§ Entries shown:
* * *

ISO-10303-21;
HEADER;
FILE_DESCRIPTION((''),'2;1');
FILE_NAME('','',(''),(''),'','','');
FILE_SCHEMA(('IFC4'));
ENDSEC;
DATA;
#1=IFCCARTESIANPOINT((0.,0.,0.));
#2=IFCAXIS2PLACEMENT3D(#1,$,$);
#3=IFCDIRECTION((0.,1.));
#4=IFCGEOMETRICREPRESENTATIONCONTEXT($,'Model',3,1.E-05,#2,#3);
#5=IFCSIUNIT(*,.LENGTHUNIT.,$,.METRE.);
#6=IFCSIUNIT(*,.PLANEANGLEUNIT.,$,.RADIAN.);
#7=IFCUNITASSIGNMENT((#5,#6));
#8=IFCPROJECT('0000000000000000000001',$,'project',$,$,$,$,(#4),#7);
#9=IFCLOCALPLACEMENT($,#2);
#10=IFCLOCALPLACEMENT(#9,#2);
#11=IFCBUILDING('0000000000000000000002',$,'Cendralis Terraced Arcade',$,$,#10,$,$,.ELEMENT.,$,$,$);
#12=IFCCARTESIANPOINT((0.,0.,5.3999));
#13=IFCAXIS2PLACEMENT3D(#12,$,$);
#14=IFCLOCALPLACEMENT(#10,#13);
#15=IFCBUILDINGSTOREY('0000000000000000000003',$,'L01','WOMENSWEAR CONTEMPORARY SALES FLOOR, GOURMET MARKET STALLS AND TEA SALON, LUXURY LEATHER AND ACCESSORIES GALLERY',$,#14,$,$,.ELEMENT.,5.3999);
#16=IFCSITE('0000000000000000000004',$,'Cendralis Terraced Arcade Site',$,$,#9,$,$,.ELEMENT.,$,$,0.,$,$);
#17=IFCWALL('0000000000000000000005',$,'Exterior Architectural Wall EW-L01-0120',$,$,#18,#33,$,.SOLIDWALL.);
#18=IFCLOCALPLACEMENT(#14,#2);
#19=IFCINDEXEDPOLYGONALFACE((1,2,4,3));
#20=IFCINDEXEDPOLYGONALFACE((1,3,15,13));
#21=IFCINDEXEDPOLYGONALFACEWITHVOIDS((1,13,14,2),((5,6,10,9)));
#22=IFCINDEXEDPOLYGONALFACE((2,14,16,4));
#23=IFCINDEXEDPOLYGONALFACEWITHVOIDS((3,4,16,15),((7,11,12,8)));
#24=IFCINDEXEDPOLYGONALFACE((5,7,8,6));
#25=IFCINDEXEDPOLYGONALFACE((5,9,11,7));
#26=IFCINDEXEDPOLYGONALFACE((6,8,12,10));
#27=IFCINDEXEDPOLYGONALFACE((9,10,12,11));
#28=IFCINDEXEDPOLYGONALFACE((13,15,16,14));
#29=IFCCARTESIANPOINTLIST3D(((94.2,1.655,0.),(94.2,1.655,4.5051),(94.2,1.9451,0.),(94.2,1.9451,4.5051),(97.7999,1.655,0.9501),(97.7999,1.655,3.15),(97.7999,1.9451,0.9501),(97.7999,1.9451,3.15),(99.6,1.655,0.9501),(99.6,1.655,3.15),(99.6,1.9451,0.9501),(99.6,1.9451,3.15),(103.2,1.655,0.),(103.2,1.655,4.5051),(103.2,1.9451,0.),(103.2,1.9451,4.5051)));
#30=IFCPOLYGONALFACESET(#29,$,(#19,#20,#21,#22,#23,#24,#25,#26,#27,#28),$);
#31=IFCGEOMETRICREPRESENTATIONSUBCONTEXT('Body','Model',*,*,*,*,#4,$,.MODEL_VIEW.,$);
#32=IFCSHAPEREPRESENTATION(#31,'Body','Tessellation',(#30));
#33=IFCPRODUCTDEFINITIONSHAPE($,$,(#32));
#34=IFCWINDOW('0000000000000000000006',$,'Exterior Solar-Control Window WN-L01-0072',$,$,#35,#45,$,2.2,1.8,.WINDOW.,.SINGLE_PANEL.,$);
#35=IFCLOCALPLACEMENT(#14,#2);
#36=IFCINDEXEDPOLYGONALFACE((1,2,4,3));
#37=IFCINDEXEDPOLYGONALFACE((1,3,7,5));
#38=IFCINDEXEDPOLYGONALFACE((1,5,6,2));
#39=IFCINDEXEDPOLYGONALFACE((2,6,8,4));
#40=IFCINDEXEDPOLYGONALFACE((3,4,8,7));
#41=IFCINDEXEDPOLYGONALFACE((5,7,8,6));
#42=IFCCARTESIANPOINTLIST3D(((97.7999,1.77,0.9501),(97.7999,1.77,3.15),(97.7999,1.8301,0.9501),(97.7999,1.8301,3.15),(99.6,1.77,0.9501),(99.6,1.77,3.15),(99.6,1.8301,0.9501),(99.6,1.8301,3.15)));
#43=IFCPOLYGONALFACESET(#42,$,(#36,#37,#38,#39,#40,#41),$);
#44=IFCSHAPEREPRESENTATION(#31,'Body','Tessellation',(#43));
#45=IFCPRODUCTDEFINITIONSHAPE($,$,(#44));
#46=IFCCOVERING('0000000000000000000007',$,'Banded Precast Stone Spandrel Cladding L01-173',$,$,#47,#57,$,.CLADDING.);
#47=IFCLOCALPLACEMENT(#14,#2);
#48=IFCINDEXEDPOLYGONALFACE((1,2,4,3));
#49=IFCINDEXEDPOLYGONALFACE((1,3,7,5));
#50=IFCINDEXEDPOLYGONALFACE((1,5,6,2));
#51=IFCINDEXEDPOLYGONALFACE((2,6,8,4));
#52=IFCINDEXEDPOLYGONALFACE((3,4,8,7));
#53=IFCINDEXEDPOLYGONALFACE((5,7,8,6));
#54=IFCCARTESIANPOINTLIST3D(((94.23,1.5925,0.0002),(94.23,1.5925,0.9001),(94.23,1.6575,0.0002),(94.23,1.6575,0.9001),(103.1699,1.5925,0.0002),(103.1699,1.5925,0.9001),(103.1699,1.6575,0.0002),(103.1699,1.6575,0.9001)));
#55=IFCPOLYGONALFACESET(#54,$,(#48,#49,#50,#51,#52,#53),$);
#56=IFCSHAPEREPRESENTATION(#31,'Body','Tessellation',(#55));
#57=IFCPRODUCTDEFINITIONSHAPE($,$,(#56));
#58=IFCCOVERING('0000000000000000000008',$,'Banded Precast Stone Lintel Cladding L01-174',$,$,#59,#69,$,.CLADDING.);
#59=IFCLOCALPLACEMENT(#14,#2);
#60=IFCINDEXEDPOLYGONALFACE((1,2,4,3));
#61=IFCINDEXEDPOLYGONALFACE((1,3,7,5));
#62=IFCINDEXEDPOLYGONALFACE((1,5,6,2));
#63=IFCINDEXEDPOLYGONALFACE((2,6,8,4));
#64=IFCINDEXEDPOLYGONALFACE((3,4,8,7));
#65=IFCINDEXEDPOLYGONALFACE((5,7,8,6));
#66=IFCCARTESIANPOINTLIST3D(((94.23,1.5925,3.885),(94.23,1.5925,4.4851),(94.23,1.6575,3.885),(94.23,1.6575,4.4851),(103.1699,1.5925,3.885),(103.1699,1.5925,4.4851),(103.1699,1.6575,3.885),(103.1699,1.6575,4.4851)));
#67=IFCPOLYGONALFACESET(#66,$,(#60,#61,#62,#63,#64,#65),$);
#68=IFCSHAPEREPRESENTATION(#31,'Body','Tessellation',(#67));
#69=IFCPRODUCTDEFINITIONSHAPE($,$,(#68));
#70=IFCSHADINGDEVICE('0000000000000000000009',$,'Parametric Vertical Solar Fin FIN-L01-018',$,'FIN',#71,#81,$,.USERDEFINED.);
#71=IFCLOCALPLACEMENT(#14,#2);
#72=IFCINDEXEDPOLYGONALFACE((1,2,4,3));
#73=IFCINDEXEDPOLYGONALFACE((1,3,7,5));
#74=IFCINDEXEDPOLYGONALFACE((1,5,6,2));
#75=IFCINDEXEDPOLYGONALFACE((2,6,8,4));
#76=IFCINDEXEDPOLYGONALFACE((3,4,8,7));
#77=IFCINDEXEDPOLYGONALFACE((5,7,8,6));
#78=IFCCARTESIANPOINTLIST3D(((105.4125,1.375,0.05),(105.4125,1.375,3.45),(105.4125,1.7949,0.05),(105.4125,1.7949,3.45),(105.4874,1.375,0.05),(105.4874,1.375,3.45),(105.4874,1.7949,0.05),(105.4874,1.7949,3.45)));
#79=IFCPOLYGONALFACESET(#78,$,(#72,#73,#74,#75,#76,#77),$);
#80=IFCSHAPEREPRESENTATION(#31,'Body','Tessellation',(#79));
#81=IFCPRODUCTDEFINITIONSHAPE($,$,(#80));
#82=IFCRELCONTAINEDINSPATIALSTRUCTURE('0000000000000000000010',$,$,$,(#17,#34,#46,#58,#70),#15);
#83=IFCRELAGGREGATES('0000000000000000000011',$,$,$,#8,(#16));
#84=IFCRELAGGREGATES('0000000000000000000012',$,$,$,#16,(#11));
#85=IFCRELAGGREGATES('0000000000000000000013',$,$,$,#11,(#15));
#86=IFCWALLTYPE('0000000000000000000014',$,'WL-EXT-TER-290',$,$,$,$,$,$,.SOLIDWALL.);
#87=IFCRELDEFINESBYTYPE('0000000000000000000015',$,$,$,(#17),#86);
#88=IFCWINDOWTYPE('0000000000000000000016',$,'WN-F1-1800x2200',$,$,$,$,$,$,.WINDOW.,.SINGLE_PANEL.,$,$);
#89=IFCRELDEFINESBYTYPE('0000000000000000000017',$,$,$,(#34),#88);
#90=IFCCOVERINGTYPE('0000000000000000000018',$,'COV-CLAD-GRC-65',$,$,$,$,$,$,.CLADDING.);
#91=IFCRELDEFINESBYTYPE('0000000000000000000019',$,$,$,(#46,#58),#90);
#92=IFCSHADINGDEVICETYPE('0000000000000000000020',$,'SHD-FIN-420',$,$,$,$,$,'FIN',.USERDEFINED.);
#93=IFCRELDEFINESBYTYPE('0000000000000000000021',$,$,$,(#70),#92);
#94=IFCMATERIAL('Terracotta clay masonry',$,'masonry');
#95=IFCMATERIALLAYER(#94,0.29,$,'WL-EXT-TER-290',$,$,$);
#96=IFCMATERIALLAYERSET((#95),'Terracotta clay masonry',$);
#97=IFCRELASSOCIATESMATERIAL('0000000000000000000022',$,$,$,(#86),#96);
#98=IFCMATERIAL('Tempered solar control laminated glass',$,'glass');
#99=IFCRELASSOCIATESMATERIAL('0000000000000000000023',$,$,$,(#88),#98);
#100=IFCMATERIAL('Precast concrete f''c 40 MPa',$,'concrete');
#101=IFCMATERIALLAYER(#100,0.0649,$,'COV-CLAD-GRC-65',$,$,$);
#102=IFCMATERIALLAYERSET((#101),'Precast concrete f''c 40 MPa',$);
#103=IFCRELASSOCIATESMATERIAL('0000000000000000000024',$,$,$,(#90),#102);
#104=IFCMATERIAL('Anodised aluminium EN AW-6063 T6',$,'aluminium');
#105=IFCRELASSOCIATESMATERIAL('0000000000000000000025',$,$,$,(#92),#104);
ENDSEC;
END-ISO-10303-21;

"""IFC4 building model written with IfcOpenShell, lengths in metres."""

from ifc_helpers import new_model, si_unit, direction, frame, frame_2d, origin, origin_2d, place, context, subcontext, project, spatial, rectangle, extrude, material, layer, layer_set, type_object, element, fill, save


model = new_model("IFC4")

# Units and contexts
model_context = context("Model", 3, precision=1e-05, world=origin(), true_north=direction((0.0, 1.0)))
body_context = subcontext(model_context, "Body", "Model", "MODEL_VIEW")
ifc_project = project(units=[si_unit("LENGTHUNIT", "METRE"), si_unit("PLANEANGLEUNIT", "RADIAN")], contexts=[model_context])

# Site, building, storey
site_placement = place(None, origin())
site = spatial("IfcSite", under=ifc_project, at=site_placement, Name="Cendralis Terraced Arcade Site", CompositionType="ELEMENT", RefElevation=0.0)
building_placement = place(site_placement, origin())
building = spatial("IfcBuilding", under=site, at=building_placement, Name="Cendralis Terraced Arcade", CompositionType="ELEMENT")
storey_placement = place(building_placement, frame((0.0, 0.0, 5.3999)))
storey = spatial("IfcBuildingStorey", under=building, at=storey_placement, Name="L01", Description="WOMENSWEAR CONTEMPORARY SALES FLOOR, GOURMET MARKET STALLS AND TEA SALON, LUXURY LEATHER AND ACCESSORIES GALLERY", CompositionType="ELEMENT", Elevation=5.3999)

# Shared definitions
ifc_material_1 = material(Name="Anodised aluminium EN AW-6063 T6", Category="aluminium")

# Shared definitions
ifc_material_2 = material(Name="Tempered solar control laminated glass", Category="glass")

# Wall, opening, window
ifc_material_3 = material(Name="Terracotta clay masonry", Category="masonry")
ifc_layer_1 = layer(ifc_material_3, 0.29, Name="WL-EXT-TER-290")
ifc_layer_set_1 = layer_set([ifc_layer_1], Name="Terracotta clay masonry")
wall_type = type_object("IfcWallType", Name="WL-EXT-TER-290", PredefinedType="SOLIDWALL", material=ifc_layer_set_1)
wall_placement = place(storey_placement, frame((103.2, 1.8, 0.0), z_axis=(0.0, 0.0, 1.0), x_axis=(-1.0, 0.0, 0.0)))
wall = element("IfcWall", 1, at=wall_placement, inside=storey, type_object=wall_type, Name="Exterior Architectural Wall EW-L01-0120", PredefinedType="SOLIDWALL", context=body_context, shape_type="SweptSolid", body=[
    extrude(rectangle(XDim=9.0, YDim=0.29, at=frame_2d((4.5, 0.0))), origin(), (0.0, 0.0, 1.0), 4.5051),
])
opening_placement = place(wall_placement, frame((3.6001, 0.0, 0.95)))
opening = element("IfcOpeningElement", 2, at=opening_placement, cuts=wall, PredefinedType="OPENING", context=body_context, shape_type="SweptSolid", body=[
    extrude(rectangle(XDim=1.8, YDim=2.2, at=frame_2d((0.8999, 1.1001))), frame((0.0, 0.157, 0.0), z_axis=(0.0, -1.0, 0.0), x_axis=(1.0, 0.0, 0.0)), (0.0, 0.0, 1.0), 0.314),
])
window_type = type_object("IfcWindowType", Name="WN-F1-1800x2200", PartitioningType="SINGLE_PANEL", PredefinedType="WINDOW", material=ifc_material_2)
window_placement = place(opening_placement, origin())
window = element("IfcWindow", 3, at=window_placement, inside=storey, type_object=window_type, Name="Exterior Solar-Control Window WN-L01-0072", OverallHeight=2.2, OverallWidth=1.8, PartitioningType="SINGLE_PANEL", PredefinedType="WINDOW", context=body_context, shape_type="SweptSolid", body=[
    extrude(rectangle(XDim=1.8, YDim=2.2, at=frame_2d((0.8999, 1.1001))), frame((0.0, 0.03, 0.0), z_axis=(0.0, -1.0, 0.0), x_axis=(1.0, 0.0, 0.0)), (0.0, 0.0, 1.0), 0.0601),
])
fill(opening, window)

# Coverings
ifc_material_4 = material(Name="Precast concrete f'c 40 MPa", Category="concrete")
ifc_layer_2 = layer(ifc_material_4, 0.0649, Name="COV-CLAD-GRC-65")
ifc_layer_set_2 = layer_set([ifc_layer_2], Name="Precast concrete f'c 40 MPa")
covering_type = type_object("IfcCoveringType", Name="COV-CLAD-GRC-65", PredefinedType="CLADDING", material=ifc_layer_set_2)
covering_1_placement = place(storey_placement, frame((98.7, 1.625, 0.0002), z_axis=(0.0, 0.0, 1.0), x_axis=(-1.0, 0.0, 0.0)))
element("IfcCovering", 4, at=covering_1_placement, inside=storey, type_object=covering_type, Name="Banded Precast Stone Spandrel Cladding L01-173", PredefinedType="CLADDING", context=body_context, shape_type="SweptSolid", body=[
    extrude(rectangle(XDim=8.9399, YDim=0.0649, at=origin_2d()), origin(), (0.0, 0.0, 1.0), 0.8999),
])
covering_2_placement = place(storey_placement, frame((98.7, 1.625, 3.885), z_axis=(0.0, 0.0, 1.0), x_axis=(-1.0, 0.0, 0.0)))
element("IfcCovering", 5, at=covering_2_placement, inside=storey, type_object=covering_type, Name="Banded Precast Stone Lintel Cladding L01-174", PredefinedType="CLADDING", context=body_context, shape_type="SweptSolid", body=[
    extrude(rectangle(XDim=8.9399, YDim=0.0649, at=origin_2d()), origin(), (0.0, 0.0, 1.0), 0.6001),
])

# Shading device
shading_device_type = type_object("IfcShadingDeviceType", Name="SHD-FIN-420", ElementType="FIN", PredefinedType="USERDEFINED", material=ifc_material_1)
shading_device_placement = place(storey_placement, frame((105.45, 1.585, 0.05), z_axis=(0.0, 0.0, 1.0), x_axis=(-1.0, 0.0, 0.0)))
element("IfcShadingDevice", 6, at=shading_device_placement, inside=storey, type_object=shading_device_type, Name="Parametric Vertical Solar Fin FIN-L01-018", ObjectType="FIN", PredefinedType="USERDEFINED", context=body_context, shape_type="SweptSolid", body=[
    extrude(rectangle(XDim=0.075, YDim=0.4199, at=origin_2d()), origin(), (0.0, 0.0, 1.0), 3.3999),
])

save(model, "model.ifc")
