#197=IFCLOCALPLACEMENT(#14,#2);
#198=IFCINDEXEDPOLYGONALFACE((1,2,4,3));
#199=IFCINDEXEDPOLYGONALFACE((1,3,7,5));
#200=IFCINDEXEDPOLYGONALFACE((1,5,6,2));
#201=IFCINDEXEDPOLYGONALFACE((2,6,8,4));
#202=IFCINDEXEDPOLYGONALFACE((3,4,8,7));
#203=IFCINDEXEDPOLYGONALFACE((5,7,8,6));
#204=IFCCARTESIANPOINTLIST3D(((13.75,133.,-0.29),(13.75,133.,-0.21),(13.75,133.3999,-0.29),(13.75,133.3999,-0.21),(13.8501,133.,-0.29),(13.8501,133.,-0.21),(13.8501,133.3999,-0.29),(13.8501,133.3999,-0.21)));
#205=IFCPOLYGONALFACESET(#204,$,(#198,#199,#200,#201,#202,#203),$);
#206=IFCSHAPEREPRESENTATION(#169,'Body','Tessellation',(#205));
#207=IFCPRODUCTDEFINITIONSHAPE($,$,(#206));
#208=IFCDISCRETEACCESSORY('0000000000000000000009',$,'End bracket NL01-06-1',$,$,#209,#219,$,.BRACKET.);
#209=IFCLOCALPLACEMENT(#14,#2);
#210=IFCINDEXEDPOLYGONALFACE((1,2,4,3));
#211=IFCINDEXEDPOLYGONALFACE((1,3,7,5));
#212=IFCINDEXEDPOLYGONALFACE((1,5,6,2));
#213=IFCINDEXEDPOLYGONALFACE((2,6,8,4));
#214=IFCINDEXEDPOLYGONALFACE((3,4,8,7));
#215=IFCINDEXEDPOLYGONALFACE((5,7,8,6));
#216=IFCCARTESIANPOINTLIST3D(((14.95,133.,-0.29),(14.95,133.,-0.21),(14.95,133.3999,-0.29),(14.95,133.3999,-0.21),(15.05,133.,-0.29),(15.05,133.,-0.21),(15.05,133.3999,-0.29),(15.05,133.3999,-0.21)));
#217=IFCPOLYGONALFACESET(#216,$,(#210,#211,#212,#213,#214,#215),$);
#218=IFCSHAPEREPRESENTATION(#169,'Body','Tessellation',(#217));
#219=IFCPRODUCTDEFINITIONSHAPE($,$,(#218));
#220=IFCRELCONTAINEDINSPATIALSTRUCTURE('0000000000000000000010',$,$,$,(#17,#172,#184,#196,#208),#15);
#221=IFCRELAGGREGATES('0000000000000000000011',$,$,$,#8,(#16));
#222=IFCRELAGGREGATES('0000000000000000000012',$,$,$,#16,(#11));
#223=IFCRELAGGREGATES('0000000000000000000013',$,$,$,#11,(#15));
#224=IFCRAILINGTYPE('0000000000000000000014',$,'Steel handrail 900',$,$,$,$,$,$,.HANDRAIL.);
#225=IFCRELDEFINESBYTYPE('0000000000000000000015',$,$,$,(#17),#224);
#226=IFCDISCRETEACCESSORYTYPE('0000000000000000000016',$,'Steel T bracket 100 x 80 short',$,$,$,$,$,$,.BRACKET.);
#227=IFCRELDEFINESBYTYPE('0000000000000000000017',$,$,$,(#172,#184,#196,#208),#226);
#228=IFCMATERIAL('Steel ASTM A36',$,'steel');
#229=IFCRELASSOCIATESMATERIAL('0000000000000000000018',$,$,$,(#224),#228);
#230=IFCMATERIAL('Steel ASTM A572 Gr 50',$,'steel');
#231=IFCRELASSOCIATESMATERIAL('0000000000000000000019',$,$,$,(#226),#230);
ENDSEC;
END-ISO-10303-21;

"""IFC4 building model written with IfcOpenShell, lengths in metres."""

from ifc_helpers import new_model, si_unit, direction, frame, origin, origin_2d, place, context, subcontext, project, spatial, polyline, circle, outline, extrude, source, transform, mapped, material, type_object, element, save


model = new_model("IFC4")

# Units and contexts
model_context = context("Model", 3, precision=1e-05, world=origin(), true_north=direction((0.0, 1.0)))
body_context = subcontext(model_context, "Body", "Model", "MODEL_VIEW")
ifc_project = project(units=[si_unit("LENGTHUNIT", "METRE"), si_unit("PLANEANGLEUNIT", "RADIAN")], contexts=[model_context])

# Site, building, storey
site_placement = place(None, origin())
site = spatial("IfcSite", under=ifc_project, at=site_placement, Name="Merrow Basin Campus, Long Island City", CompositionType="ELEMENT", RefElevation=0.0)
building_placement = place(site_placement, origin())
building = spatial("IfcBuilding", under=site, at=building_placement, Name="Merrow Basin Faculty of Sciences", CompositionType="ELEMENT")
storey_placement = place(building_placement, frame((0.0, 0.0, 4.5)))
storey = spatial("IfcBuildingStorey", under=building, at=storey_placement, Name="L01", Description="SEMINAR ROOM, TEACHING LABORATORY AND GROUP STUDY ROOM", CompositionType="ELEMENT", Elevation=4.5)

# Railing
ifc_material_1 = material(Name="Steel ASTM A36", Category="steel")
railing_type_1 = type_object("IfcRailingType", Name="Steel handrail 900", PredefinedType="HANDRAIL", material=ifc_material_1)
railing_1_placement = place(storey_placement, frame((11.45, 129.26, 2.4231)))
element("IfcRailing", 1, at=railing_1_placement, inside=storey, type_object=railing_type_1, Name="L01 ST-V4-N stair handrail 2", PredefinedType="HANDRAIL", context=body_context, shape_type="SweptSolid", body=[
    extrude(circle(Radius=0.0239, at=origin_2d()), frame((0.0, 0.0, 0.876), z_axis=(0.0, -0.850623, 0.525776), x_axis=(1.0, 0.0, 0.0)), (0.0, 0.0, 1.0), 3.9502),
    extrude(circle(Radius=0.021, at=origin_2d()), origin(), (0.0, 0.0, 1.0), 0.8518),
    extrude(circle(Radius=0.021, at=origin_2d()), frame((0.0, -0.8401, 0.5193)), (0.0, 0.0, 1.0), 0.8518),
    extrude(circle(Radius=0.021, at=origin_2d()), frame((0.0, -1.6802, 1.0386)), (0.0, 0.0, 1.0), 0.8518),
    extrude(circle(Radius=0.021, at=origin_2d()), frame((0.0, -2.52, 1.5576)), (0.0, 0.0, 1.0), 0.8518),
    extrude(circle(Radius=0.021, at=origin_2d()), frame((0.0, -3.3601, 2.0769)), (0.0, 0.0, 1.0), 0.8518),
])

* * *

Whenever a line of the material holds the word "IFCRELCONTAINEDINSPATIALSTRUCTURE", copy it out.

#82=IFCRELCONTAINEDINSPATIALSTRUCTURE('0000000000000000000010',$,$,$,(#17,#34,#46,#58,#70),#15);
#220=IFCRELCONTAINEDINSPATIALSTRUCTURE('0000000000000000000010',$,$,$,(#17,#172,#184,#196,#208),#15);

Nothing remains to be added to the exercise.